= Exercise =
Given the records below, pull every line with the word "IFCLOCALPLACEMENT" into the answer.

= Exercise data =
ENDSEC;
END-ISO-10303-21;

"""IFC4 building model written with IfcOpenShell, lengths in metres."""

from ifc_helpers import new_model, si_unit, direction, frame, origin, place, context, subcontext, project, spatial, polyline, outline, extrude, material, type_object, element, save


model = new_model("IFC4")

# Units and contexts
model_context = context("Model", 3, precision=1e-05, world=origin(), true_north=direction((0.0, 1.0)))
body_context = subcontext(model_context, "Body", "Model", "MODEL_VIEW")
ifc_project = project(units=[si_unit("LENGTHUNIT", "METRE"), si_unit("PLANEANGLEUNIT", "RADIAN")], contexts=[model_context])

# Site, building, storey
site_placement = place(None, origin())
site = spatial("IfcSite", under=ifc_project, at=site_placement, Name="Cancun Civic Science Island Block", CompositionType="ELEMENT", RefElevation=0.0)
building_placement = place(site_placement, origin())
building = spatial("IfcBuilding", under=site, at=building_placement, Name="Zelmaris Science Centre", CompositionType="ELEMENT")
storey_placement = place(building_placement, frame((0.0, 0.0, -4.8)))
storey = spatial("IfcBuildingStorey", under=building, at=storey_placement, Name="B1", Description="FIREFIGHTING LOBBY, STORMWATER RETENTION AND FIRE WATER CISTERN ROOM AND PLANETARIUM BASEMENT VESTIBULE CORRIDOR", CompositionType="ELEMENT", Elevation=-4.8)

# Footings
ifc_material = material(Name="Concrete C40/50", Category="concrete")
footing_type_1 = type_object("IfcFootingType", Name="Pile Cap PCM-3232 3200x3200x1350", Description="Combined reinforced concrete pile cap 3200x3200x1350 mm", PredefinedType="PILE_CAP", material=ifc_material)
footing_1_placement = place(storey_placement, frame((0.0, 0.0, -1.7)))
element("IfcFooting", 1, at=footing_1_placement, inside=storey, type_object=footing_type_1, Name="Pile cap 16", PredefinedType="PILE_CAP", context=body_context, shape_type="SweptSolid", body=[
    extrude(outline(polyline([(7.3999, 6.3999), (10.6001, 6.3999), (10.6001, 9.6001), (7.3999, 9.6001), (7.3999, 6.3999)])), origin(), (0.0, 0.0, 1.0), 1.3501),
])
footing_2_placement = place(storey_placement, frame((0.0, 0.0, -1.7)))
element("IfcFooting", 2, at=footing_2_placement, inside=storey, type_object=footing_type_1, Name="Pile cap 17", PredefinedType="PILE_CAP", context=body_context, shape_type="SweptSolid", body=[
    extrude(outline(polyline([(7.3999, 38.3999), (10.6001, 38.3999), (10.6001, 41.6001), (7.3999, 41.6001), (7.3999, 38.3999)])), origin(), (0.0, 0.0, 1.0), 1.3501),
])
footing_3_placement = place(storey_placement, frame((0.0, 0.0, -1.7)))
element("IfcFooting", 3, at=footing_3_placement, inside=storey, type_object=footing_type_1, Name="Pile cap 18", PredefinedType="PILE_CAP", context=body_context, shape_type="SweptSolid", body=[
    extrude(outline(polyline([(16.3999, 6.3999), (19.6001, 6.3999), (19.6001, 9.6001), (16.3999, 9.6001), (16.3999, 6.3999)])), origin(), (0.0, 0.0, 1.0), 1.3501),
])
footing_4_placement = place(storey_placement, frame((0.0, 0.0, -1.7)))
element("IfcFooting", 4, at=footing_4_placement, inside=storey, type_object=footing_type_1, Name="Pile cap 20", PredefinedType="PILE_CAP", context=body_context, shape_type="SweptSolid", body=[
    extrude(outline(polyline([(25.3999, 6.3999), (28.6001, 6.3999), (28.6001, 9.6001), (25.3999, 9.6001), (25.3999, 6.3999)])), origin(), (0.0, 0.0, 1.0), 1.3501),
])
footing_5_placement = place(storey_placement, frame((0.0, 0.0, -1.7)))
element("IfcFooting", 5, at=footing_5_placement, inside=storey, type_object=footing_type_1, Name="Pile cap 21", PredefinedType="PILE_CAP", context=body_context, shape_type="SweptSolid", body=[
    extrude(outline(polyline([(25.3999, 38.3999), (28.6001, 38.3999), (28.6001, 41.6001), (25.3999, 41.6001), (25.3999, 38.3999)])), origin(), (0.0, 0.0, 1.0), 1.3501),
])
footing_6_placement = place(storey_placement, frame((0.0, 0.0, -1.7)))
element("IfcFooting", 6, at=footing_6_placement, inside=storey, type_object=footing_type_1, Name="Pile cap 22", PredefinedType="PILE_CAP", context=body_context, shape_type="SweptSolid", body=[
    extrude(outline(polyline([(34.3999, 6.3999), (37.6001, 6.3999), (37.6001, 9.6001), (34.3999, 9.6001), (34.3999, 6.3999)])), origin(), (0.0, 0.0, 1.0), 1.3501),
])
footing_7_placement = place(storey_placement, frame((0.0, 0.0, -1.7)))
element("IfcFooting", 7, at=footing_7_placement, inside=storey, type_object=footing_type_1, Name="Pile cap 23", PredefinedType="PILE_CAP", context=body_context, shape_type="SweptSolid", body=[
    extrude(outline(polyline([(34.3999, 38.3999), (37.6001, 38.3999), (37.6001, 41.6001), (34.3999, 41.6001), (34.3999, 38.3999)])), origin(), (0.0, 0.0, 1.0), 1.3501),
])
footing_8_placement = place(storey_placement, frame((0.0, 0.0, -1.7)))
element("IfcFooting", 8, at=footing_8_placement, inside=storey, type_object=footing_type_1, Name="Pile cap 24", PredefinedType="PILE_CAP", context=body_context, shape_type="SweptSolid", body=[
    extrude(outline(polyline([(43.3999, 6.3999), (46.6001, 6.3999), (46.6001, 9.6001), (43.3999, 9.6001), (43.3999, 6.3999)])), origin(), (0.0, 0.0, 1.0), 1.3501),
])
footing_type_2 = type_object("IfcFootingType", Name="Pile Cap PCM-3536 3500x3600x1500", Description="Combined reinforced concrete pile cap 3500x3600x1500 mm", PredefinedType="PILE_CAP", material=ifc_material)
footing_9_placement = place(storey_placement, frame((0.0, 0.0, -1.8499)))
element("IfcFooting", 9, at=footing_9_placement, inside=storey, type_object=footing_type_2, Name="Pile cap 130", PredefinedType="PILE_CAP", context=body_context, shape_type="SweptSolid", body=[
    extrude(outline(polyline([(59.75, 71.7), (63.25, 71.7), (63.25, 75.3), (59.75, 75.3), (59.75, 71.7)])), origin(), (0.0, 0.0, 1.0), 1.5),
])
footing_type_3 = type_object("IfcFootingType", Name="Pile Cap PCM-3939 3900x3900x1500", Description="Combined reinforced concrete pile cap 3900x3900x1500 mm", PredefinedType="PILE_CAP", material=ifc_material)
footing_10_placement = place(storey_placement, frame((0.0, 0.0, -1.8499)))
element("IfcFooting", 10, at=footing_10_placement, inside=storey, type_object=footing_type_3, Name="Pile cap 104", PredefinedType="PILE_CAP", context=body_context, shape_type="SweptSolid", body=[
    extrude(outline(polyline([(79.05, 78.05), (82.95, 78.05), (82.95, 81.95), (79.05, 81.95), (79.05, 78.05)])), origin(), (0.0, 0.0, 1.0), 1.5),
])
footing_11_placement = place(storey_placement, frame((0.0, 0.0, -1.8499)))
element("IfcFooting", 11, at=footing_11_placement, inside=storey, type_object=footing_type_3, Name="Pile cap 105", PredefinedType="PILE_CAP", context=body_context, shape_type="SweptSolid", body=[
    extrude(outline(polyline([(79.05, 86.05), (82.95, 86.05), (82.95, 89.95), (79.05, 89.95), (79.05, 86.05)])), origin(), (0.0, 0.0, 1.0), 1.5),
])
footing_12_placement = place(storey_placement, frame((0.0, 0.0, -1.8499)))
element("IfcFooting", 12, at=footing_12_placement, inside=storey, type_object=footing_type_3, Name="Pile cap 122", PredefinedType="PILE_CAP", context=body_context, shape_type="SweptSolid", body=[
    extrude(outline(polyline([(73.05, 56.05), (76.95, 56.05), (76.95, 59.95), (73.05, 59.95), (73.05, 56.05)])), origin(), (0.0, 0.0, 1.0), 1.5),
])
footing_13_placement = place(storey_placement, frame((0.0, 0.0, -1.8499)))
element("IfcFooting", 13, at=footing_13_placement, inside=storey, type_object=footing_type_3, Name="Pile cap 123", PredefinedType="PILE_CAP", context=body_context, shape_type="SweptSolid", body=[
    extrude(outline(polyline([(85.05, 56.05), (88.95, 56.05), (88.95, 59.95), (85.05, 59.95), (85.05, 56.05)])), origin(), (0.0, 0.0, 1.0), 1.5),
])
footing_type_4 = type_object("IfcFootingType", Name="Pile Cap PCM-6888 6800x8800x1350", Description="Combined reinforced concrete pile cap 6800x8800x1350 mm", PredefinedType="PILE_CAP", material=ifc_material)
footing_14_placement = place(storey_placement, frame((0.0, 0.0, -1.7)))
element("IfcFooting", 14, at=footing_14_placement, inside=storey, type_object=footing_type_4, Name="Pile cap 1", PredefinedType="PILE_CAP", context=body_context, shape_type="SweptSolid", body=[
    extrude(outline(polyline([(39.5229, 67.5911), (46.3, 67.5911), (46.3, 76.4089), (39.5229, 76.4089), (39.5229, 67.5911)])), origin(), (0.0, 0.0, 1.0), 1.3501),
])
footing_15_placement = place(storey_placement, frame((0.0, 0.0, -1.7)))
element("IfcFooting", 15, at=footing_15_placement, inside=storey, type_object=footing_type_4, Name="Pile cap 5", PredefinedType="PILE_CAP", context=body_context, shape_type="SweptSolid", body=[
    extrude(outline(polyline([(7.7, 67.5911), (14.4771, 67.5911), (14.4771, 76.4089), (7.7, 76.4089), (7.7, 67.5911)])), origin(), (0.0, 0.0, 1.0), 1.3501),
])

==

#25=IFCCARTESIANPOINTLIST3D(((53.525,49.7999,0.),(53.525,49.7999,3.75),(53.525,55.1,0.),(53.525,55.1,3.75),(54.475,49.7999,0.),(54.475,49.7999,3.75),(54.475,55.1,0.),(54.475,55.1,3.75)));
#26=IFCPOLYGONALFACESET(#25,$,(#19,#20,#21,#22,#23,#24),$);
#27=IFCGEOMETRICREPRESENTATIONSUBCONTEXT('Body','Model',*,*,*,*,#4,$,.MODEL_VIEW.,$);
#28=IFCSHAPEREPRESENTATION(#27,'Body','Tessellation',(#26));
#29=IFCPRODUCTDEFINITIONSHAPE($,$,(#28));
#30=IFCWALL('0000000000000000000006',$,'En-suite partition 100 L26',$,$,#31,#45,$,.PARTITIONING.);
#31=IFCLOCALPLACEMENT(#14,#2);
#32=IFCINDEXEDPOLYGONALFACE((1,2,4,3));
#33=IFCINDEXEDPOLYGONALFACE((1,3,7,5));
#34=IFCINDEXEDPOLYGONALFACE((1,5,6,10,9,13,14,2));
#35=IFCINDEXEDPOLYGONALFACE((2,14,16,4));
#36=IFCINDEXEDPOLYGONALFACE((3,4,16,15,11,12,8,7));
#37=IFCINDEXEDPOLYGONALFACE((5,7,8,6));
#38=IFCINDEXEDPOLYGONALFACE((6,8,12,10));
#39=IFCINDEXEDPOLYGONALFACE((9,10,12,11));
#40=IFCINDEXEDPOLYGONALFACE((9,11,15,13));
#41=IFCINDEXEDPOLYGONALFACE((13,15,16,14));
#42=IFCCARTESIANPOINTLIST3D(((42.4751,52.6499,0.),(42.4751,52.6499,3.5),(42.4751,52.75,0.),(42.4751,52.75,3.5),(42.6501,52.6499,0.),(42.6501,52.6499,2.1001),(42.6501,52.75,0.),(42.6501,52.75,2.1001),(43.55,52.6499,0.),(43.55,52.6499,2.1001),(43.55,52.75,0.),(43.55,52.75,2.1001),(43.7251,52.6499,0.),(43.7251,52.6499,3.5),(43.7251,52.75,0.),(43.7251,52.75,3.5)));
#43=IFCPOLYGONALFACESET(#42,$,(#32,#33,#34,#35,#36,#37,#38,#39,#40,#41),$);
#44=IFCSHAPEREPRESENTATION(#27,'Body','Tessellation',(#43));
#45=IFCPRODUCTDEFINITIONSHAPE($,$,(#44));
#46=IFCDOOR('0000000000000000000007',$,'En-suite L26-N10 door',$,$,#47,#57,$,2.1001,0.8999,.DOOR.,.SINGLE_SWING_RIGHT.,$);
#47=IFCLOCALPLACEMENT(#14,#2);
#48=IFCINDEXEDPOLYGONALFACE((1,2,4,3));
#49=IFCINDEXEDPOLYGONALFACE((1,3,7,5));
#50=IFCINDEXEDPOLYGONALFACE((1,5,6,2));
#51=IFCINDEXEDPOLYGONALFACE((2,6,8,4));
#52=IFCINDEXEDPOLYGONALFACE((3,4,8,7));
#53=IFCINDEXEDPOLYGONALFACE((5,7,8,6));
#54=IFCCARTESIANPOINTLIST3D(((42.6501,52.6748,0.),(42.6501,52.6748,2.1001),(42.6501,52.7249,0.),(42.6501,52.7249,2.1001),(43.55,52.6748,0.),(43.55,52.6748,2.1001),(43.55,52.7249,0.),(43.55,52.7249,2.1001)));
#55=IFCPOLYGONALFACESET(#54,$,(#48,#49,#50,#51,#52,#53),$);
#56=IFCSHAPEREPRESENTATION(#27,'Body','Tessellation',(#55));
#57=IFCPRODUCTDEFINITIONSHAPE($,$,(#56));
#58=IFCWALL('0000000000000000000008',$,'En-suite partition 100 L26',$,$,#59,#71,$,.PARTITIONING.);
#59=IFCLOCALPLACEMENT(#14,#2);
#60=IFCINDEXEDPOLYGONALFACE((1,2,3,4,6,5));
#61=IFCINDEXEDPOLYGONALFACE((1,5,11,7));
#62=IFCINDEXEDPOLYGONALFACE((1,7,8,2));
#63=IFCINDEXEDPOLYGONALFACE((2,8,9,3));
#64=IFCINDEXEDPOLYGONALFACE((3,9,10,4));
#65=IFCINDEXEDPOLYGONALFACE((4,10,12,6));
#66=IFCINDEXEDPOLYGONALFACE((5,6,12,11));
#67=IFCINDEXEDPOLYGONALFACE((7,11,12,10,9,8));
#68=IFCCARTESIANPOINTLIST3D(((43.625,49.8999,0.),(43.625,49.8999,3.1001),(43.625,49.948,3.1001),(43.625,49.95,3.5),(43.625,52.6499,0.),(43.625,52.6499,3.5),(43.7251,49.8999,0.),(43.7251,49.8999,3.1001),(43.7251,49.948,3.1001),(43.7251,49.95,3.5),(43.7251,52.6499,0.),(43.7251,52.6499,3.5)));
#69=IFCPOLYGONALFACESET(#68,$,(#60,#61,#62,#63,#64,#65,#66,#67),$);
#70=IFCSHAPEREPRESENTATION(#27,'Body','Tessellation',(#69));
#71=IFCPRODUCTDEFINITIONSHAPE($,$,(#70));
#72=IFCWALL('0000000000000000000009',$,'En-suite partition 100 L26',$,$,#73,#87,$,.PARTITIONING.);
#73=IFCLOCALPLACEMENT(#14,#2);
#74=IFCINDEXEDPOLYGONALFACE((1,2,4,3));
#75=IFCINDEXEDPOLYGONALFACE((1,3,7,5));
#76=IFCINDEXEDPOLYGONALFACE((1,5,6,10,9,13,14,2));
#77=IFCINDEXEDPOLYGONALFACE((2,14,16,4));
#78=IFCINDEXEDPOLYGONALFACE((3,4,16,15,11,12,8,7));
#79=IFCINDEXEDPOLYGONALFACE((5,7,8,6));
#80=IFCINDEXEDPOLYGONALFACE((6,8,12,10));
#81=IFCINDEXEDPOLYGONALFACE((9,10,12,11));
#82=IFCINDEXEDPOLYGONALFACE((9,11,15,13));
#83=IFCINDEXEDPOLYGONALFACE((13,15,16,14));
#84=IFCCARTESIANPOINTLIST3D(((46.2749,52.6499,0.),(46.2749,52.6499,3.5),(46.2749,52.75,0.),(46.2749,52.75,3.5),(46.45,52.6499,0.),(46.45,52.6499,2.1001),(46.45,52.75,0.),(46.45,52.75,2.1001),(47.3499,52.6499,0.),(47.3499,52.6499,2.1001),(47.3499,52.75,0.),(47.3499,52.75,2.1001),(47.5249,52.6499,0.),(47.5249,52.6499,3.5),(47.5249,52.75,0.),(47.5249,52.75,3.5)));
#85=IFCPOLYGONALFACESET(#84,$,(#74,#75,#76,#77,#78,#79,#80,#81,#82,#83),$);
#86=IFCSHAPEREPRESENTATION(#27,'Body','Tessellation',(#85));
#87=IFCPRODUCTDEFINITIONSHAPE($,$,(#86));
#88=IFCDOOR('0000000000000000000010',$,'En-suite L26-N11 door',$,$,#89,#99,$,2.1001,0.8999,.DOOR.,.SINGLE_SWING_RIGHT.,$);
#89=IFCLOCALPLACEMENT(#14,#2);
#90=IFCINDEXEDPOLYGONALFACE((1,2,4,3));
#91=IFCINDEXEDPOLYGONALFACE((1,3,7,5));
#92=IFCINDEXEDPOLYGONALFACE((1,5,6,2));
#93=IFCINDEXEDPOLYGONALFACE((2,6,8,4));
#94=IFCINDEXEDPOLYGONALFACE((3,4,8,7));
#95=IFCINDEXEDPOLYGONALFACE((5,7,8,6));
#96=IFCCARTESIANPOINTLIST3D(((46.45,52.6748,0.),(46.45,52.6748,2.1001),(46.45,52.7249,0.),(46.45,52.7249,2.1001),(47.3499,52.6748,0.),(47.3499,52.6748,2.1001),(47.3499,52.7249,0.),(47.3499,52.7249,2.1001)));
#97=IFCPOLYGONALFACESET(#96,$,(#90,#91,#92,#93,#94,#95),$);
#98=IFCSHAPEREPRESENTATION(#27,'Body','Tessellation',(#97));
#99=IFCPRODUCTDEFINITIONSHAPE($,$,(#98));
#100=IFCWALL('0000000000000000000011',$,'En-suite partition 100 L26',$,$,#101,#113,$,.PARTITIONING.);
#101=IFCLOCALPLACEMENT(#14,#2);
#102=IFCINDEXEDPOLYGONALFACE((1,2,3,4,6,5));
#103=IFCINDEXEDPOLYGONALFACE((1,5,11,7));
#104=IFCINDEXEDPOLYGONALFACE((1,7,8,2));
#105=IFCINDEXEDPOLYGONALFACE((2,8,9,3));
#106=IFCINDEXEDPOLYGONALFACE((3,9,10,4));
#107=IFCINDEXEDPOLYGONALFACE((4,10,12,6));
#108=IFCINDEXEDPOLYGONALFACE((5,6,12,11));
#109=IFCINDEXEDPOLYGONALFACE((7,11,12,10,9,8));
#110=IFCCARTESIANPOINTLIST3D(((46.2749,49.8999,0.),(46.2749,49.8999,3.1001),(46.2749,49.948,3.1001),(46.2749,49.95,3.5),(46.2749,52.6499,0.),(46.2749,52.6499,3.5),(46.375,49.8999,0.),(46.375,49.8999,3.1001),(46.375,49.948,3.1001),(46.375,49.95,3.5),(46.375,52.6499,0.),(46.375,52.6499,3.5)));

= Your solution =
#31=IFCLOCALPLACEMENT(#14,#2);
#47=IFCLOCALPLACEMENT(#14,#2);
#59=IFCLOCALPLACEMENT(#14,#2);
#73=IFCLOCALPLACEMENT(#14,#2);
#89=IFCLOCALPLACEMENT(#14,#2);
#101=IFCLOCALPLACEMENT(#14,#2);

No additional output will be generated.